Content starts

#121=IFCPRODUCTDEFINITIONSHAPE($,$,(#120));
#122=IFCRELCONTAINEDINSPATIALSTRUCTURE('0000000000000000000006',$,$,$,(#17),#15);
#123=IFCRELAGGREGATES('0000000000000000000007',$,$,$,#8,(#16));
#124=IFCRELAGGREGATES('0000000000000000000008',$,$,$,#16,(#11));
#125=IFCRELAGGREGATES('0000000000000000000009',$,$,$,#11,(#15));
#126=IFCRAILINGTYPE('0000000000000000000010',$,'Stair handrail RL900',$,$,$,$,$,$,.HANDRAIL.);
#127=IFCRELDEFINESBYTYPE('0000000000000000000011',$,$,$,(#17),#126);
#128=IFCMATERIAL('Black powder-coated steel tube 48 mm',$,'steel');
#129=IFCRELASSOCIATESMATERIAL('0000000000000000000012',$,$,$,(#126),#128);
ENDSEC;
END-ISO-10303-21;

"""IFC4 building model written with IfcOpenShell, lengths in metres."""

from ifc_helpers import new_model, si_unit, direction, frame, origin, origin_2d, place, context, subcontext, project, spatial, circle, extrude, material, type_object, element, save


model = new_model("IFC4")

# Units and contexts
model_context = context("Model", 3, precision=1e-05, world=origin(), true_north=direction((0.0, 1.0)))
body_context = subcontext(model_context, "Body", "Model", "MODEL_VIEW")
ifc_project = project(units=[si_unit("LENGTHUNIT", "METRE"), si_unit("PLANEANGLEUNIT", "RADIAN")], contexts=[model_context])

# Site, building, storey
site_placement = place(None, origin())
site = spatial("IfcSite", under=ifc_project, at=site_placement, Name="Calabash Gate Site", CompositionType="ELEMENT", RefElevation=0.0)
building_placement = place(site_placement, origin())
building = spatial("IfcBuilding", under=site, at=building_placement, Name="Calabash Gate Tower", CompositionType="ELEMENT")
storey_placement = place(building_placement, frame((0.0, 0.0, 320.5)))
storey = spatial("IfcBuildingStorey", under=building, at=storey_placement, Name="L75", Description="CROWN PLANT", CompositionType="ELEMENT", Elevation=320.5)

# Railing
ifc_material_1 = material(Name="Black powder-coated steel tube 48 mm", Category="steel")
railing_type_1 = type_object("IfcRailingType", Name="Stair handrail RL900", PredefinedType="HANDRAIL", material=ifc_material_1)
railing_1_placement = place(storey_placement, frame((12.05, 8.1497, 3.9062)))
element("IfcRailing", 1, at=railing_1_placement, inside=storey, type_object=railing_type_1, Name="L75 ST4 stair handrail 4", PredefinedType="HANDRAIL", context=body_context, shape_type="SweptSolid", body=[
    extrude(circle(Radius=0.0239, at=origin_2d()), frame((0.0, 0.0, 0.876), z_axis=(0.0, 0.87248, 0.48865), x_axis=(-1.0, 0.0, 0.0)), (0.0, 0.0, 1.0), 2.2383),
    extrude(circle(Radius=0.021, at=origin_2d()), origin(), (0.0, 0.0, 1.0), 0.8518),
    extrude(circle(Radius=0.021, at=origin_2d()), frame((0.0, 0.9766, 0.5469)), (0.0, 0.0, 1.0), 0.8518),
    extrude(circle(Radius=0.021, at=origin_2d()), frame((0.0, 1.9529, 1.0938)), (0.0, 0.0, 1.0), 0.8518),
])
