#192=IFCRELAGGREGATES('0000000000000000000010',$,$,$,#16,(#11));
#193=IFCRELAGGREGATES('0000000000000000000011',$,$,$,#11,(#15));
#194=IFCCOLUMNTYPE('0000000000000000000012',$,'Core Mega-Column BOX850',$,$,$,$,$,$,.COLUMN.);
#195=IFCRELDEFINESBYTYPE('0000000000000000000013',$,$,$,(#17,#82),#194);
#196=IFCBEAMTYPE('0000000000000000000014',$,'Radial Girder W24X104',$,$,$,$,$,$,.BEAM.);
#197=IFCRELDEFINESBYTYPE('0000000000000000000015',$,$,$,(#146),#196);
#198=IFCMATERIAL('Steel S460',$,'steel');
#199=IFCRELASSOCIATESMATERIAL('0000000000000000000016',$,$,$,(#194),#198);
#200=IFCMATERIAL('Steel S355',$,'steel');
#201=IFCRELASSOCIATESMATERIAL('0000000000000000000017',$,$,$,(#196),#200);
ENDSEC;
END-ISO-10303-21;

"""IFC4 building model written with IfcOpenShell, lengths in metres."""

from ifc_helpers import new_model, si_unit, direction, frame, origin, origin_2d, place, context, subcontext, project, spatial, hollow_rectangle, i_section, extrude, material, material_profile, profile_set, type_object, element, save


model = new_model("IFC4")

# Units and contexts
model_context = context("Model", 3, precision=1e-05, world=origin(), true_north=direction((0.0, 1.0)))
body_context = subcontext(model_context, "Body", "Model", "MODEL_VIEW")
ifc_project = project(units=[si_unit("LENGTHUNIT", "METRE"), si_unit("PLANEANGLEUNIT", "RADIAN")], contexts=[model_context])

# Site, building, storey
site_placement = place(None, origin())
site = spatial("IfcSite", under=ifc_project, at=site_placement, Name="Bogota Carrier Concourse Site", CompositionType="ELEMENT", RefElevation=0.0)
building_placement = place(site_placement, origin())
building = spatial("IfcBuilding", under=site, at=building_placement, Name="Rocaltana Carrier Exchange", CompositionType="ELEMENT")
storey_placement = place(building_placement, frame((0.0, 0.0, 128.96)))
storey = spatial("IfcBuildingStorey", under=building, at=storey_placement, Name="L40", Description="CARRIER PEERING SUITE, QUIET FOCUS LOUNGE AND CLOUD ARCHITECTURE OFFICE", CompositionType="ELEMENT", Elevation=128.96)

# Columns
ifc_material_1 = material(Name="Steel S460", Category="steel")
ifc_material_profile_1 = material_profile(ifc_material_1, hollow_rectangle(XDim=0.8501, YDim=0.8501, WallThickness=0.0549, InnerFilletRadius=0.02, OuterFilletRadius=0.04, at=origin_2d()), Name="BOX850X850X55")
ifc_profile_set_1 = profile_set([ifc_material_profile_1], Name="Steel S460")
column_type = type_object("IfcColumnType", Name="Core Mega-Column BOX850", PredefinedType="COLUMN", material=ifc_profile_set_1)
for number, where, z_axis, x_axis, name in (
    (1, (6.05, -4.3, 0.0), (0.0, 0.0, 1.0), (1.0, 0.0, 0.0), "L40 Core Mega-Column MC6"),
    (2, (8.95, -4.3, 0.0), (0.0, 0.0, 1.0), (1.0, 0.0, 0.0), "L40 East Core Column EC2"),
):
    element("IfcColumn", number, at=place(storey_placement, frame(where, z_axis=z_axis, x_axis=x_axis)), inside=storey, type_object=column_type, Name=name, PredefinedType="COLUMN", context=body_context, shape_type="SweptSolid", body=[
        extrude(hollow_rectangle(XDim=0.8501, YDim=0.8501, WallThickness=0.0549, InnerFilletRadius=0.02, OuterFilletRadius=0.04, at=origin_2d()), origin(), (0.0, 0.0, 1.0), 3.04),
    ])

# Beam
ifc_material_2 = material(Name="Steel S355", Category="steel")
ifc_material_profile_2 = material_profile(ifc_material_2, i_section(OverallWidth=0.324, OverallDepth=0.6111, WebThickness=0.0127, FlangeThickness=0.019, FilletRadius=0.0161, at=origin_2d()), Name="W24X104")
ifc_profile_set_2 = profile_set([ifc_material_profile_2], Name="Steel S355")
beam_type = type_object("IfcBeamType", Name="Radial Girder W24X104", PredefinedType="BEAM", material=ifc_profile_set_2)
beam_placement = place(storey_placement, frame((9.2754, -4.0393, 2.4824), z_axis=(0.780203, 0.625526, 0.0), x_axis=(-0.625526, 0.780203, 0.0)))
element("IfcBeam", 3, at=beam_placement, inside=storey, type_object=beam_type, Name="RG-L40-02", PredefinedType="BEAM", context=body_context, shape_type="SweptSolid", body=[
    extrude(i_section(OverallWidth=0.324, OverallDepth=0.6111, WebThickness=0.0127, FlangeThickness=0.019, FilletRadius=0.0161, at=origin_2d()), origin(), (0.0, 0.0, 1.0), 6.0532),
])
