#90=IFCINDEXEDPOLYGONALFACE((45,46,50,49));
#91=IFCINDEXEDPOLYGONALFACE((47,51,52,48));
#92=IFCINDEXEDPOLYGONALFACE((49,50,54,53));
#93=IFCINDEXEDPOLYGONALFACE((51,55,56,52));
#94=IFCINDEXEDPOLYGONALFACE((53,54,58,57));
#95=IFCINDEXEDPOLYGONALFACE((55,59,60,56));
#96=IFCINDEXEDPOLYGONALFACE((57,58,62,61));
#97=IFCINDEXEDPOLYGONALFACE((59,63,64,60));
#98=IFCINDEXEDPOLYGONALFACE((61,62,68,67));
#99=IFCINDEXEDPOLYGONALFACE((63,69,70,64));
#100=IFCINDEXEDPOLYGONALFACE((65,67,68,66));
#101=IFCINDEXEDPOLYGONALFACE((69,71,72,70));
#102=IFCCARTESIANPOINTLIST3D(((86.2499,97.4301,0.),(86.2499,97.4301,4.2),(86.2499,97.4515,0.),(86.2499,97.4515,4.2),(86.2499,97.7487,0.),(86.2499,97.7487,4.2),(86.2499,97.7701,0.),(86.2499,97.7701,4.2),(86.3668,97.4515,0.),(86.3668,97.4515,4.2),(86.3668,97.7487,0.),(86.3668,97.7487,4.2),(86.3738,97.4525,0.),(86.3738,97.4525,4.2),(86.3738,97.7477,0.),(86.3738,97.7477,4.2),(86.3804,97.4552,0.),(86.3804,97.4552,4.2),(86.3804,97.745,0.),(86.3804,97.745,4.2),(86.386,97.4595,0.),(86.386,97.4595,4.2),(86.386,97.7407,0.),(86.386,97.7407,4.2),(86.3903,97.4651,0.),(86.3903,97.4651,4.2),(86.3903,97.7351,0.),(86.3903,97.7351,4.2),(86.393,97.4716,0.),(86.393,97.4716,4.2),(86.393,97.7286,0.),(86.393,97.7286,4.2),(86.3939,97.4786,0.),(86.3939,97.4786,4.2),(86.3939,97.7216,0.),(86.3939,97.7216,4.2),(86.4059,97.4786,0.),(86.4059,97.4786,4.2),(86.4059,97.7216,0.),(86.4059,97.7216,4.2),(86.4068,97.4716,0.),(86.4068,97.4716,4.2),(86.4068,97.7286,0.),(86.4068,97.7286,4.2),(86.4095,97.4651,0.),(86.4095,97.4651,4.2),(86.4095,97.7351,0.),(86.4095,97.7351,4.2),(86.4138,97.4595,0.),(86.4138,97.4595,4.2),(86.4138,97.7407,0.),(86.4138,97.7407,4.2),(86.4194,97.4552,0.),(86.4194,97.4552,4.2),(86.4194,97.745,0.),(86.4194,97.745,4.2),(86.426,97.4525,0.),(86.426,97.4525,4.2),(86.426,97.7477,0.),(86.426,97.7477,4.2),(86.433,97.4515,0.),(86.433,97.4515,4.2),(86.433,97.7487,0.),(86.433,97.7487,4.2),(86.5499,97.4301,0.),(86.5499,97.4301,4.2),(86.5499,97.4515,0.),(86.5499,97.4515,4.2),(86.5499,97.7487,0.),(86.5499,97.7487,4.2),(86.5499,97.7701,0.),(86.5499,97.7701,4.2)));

Content ends

Try it → Out of the data above, set down the lines from the one with "#90=IFCINDEXEDPOLYGONALFACE((45,46,50,49));" to the one with "#101=IFCINDEXEDPOLYGONALFACE((69,71,72,70));", both included, exactly as written and with no additions.

The answer →
#90=IFCINDEXEDPOLYGONALFACE((45,46,50,49));
#91=IFCINDEXEDPOLYGONALFACE((47,51,52,48));
#92=IFCINDEXEDPOLYGONALFACE((49,50,54,53));
#93=IFCINDEXEDPOLYGONALFACE((51,55,56,52));
#94=IFCINDEXEDPOLYGONALFACE((53,54,58,57));
#95=IFCINDEXEDPOLYGONALFACE((55,59,60,56));
#96=IFCINDEXEDPOLYGONALFACE((57,58,62,61));
#97=IFCINDEXEDPOLYGONALFACE((59,63,64,60));
#98=IFCINDEXEDPOLYGONALFACE((61,62,68,67));
#99=IFCINDEXEDPOLYGONALFACE((63,69,70,64));
#100=IFCINDEXEDPOLYGONALFACE((65,67,68,66));
#101=IFCINDEXEDPOLYGONALFACE((69,71,72,70));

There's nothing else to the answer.